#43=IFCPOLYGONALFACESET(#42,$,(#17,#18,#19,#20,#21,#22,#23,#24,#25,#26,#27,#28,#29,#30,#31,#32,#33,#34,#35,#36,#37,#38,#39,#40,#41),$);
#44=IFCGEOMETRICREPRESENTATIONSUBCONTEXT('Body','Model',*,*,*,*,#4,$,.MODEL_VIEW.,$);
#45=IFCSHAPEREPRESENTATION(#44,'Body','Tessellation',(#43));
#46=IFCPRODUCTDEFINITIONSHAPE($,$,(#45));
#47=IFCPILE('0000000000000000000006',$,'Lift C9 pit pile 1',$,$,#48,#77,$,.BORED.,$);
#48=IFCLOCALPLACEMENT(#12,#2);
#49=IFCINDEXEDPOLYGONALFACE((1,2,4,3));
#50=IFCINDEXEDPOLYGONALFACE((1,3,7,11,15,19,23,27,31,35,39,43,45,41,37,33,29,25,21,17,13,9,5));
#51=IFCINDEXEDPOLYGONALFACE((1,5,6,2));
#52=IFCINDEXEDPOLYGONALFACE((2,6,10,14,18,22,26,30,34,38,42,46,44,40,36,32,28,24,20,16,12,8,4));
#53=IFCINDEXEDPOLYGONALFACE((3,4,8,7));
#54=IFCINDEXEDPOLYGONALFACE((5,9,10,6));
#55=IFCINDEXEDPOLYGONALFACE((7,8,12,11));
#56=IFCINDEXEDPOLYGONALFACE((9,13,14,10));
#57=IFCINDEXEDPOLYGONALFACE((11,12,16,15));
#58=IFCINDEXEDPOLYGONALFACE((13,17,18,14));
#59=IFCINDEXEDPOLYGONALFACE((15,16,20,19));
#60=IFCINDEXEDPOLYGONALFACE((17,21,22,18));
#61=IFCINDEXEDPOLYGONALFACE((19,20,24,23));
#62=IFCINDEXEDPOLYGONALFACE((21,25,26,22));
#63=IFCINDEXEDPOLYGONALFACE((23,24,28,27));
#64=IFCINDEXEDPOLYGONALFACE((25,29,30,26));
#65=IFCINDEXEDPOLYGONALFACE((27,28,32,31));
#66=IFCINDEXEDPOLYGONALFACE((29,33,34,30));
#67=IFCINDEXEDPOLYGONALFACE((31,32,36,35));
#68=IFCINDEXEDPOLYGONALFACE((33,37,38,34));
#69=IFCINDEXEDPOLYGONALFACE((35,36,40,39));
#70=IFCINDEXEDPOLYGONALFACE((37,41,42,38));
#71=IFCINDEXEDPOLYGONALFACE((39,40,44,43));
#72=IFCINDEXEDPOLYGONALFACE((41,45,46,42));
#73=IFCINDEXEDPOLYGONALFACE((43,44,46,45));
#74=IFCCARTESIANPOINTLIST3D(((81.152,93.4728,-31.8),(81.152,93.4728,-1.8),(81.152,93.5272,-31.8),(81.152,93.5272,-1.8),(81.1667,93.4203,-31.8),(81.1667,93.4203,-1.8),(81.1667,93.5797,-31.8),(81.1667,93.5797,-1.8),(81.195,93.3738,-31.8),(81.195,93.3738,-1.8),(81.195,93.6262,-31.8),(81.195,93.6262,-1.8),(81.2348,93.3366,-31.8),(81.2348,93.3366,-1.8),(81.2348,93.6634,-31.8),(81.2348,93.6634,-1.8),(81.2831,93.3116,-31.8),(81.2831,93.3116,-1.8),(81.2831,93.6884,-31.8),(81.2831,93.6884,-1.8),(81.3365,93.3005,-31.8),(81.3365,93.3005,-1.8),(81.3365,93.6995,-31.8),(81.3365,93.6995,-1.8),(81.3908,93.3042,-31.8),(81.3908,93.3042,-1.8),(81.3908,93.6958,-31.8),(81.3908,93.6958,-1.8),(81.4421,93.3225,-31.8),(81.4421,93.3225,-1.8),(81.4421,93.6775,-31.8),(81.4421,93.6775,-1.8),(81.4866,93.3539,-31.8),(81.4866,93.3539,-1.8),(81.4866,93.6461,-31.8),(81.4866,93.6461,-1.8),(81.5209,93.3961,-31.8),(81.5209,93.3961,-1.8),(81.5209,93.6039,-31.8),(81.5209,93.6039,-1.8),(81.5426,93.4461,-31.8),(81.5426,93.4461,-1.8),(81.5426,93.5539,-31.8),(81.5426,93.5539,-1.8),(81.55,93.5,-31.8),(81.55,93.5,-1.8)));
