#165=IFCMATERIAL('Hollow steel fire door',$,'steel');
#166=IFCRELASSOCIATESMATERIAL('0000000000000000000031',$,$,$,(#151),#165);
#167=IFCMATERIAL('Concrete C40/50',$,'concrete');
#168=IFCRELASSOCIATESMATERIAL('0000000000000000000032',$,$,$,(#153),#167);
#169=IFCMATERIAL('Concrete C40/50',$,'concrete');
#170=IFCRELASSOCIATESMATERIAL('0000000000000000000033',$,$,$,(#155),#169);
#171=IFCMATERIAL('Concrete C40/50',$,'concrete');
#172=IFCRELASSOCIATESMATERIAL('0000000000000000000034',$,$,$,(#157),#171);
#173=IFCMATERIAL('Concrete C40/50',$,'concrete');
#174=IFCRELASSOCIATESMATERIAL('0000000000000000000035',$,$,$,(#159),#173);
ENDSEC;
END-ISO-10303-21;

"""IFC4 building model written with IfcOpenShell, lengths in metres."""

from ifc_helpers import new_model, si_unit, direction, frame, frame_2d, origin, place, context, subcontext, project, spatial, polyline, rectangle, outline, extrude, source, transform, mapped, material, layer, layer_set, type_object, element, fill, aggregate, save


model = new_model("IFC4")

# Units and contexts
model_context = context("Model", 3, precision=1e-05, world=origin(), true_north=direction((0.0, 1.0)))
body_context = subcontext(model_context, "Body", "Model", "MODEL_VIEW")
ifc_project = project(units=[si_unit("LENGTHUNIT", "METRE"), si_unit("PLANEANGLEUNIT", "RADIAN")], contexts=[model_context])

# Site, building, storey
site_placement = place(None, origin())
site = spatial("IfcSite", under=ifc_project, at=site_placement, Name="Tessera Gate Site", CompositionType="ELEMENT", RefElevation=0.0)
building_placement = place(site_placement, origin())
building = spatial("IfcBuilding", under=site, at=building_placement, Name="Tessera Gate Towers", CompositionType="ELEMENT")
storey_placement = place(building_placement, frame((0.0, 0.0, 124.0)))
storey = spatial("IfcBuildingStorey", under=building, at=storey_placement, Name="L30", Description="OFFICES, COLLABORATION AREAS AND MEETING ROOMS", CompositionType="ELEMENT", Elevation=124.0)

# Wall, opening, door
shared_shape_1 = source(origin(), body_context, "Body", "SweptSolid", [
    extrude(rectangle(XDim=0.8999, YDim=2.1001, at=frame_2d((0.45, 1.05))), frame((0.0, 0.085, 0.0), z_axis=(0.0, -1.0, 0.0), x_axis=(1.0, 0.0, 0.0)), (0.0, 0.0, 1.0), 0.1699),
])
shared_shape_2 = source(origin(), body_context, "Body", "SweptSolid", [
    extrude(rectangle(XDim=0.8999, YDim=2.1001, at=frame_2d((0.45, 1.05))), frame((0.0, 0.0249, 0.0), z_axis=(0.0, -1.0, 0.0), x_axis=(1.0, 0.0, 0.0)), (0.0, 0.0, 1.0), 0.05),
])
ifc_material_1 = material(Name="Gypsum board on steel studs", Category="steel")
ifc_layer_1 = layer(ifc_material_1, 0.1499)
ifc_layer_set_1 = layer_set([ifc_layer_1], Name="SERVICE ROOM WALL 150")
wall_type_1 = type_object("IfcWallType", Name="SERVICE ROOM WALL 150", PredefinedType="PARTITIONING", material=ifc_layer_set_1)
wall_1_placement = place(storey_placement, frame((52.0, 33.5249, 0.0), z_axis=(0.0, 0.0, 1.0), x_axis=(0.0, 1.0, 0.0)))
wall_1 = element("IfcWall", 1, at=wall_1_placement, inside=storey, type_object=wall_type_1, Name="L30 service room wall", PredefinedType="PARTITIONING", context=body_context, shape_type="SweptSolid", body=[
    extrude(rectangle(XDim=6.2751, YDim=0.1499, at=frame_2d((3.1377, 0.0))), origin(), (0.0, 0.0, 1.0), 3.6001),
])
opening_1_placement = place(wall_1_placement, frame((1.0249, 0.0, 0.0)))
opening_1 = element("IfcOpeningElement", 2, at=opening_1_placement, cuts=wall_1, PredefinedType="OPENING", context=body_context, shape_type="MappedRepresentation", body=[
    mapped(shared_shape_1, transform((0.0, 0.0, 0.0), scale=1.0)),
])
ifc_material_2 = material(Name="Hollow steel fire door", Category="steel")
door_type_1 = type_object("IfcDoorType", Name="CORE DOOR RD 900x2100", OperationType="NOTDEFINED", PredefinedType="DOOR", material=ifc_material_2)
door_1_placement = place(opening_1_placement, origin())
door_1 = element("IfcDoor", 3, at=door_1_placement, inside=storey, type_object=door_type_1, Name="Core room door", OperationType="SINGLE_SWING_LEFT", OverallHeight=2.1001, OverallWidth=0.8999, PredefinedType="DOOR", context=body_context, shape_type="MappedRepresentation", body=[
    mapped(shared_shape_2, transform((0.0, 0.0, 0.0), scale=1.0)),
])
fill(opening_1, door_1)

:::

**WHAT THIS TASK INVOLVES:** All that is needed is the exact run of lines above from the line containing "#68=IFCINDEXEDPOLYGONALFACE((33,37,38,34));" through the line containing "END-ISO-10303-21;", both of them included.

**SOLUTION TO THIS EXERCISE:**
#68=IFCINDEXEDPOLYGONALFACE((33,37,38,34));
#69=IFCINDEXEDPOLYGONALFACE((35,36,40,39));
#70=IFCINDEXEDPOLYGONALFACE((37,41,42,38));
#71=IFCINDEXEDPOLYGONALFACE((39,40,44,43));
#72=IFCINDEXEDPOLYGONALFACE((41,45,46,42));
#73=IFCINDEXEDPOLYGONALFACE((43,44,46,45));
#74=IFCCARTESIANPOINTLIST3D(((81.152,93.4728,-31.8),(81.152,93.4728,-1.8),(81.152,93.5272,-31.8),(81.152,93.5272,-1.8),(81.1667,93.4203,-31.8),(81.1667,93.4203,-1.8),(81.1667,93.5797,-31.8),(81.1667,93.5797,-1.8),(81.195,93.3738,-31.8),(81.195,93.3738,-1.8),(81.195,93.6262,-31.8),(81.195,93.6262,-1.8),(81.2348,93.3366,-31.8),(81.2348,93.3366,-1.8),(81.2348,93.6634,-31.8),(81.2348,93.6634,-1.8),(81.2831,93.3116,-31.8),(81.2831,93.3116,-1.8),(81.2831,93.6884,-31.8),(81.2831,93.6884,-1.8),(81.3365,93.3005,-31.8),(81.3365,93.3005,-1.8),(81.3365,93.6995,-31.8),(81.3365,93.6995,-1.8),(81.3908,93.3042,-31.8),(81.3908,93.3042,-1.8),(81.3908,93.6958,-31.8),(81.3908,93.6958,-1.8),(81.4421,93.3225,-31.8),(81.4421,93.3225,-1.8),(81.4421,93.6775,-31.8),(81.4421,93.6775,-1.8),(81.4866,93.3539,-31.8),(81.4866,93.3539,-1.8),(81.4866,93.6461,-31.8),(81.4866,93.6461,-1.8),(81.5209,93.3961,-31.8),(81.5209,93.3961,-1.8),(81.5209,93.6039,-31.8),(81.5209,93.6039,-1.8),(81.5426,93.4461,-31.8),(81.5426,93.4461,-1.8),(81.5426,93.5539,-31.8),(81.5426,93.5539,-1.8),(81.55,93.5,-31.8),(81.55,93.5,-1.8)));
#165=IFCMATERIAL('Hollow steel fire door',$,'steel');
#166=IFCRELASSOCIATESMATERIAL('0000000000000000000031',$,$,$,(#151),#165);
#167=IFCMATERIAL('Concrete C40/50',$,'concrete');
#168=IFCRELASSOCIATESMATERIAL('0000000000000000000032',$,$,$,(#153),#167);
#169=IFCMATERIAL('Concrete C40/50',$,'concrete');
#170=IFCRELASSOCIATESMATERIAL('0000000000000000000033',$,$,$,(#155),#169);
#171=IFCMATERIAL('Concrete C40/50',$,'concrete');
#172=IFCRELASSOCIATESMATERIAL('0000000000000000000034',$,$,$,(#157),#171);
#173=IFCMATERIAL('Concrete C40/50',$,'concrete');
#174=IFCRELASSOCIATESMATERIAL('0000000000000000000035',$,$,$,(#159),#173);
ENDSEC;
END-ISO-10303-21;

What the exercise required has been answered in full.